● Your assignment
From the data below, set down exactly the lines between the one holding "#153=IFCLOCALPLACEMENT(#14,#2);" and the one holding "#170=IFCINDEXEDPOLYGONALFACE((3,4,8,7));", inclusive, and no others.

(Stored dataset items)

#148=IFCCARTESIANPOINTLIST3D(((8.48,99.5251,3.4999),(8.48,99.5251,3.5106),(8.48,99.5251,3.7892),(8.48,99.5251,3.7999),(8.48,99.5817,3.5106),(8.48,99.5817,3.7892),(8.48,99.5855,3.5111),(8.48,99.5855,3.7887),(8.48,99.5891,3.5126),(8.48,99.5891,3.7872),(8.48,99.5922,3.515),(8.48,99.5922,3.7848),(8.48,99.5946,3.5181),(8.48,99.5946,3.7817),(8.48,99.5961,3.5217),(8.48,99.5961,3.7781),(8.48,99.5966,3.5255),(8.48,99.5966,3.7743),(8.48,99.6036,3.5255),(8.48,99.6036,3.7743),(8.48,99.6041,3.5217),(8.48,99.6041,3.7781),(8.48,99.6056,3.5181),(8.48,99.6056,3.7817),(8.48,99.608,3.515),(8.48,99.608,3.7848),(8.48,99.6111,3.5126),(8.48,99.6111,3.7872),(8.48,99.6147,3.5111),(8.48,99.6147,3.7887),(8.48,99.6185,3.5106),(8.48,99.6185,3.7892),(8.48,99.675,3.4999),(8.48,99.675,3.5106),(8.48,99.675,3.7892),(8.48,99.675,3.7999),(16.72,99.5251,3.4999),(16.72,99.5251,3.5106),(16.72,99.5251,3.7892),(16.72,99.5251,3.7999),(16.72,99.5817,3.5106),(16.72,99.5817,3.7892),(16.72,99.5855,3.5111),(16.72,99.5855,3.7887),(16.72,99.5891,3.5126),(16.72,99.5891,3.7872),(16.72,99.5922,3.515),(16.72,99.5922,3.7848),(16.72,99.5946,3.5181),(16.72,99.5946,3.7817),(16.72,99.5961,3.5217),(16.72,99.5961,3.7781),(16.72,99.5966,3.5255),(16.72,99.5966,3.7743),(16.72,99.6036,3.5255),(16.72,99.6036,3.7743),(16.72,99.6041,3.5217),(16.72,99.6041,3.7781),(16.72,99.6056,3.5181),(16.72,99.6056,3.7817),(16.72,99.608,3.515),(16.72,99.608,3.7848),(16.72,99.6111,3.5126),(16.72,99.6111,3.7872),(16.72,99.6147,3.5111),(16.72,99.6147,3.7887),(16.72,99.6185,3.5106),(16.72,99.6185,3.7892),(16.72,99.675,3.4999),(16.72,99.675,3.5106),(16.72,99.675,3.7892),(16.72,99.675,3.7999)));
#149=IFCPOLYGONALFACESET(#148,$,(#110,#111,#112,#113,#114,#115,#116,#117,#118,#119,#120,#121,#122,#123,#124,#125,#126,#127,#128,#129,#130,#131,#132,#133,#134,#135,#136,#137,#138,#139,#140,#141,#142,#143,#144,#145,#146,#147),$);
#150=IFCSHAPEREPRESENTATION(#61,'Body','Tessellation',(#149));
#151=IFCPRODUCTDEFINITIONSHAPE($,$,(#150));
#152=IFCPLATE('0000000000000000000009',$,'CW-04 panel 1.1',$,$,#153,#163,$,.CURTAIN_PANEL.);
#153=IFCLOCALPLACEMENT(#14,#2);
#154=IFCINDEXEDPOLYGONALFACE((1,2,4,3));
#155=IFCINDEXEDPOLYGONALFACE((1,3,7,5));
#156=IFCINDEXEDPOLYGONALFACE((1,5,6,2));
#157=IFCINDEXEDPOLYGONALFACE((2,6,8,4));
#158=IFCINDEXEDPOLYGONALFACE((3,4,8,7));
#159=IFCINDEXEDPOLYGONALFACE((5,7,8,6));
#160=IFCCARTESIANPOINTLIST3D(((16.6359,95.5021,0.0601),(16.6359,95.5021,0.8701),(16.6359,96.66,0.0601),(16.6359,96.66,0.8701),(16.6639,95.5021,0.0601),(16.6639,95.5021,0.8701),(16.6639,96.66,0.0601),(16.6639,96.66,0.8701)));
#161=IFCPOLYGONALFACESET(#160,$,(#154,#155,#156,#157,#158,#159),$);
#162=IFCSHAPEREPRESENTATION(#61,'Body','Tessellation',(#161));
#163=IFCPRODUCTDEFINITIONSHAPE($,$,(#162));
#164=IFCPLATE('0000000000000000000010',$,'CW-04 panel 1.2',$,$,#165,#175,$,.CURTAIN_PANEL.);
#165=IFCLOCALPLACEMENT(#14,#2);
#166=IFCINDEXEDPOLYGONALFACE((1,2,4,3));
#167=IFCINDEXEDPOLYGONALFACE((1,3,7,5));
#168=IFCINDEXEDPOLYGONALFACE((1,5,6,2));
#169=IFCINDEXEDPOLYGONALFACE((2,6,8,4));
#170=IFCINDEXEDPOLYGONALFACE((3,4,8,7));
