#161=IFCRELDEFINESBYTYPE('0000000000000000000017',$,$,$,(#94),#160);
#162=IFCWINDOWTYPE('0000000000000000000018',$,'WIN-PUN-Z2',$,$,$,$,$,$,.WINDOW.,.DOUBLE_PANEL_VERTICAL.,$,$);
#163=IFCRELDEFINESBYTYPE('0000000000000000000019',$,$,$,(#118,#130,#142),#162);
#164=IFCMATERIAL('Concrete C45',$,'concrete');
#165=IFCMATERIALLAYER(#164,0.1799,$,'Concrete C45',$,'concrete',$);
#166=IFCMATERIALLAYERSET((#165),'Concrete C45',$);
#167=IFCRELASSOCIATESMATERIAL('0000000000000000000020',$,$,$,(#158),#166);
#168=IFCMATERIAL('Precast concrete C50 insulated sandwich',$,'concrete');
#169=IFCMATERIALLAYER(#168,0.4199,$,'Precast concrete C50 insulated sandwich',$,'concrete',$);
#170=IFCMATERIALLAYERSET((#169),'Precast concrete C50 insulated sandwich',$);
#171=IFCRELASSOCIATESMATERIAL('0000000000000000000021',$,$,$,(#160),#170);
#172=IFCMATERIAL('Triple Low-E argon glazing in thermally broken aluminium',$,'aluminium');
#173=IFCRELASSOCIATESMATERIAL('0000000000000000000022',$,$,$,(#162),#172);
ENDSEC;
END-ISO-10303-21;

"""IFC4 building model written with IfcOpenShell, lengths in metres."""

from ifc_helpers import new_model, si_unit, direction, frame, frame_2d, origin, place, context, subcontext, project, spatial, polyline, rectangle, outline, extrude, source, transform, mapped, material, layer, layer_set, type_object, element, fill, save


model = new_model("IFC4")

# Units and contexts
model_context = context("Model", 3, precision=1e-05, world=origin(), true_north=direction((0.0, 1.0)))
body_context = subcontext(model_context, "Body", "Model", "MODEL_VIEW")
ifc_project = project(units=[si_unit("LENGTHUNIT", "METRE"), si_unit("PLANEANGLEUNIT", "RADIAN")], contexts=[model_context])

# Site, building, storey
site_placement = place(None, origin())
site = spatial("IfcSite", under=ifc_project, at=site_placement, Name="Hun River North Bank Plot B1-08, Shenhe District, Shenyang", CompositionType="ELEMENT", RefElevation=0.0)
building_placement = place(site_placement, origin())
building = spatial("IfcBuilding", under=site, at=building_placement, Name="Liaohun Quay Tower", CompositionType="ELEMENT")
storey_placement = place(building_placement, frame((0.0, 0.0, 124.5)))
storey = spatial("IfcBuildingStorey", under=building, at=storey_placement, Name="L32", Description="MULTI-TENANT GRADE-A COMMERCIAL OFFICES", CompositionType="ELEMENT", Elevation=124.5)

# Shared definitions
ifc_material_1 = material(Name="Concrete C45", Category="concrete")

● Answer to the problem
#153=IFCLOCALPLACEMENT(#14,#2);
#154=IFCINDEXEDPOLYGONALFACE((1,2,4,3));
#155=IFCINDEXEDPOLYGONALFACE((1,3,7,5));
#156=IFCINDEXEDPOLYGONALFACE((1,5,6,2));
#157=IFCINDEXEDPOLYGONALFACE((2,6,8,4));
#158=IFCINDEXEDPOLYGONALFACE((3,4,8,7));
#159=IFCINDEXEDPOLYGONALFACE((5,7,8,6));
#160=IFCCARTESIANPOINTLIST3D(((16.6359,95.5021,0.0601),(16.6359,95.5021,0.8701),(16.6359,96.66,0.0601),(16.6359,96.66,0.8701),(16.6639,95.5021,0.0601),(16.6639,95.5021,0.8701),(16.6639,96.66,0.0601),(16.6639,96.66,0.8701)));
#161=IFCPOLYGONALFACESET(#160,$,(#154,#155,#156,#157,#158,#159),$);
#162=IFCSHAPEREPRESENTATION(#61,'Body','Tessellation',(#161));
#163=IFCPRODUCTDEFINITIONSHAPE($,$,(#162));
#164=IFCPLATE('0000000000000000000010',$,'CW-04 panel 1.2',$,$,#165,#175,$,.CURTAIN_PANEL.);
#165=IFCLOCALPLACEMENT(#14,#2);
#166=IFCINDEXEDPOLYGONALFACE((1,2,4,3));
#167=IFCINDEXEDPOLYGONALFACE((1,3,7,5));
#168=IFCINDEXEDPOLYGONALFACE((1,5,6,2));
#169=IFCINDEXEDPOLYGONALFACE((2,6,8,4));
#170=IFCINDEXEDPOLYGONALFACE((3,4,8,7));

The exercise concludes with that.